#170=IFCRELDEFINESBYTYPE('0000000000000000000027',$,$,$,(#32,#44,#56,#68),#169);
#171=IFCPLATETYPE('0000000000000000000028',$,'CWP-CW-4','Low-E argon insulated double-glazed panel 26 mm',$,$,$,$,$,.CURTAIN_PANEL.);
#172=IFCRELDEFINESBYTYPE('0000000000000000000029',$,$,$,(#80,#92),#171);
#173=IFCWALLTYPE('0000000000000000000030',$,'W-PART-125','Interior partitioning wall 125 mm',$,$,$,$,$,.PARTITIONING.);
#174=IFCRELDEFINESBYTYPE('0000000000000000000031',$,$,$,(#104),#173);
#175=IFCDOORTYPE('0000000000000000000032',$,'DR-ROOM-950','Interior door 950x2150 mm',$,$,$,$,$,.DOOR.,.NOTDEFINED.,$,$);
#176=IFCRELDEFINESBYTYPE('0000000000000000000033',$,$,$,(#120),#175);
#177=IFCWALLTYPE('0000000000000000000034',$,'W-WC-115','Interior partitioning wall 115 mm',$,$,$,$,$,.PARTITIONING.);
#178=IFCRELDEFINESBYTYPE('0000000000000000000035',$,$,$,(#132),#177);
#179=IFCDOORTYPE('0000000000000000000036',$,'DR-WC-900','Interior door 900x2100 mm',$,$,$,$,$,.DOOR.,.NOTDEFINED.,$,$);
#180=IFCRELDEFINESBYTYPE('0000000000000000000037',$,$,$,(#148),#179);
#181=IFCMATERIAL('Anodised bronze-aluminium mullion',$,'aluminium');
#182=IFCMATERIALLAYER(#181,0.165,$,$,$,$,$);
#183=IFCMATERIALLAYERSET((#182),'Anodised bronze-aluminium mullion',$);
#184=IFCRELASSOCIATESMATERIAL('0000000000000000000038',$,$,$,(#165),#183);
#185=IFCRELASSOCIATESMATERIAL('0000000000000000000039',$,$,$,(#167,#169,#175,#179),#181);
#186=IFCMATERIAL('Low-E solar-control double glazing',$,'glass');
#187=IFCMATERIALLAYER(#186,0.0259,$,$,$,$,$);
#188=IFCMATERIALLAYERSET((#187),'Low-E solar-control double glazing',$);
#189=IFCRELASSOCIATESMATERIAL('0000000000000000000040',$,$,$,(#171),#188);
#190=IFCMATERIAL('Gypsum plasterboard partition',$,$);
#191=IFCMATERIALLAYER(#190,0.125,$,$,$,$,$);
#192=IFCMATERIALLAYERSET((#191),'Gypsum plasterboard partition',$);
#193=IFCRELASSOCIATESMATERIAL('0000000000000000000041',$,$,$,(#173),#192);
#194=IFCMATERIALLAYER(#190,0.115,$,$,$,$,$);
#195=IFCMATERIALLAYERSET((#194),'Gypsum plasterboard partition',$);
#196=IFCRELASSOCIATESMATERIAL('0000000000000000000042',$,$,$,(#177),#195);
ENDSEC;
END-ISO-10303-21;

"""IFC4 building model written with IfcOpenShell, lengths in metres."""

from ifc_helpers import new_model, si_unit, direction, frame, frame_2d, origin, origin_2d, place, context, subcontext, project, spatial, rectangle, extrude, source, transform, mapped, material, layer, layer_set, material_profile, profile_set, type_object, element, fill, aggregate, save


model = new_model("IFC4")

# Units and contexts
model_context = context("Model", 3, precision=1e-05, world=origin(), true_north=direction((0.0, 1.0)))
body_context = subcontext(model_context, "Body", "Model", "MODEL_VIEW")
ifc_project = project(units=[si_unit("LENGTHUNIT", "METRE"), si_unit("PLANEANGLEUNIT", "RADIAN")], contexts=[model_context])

··········

> [Exercise goal]: Every line that contains the string "glazing" should be returned from the data.

> [Answer box]:
#186=IFCMATERIAL('Low-E solar-control double glazing',$,'glass');
#188=IFCMATERIALLAYERSET((#187),'Low-E solar-control double glazing',$);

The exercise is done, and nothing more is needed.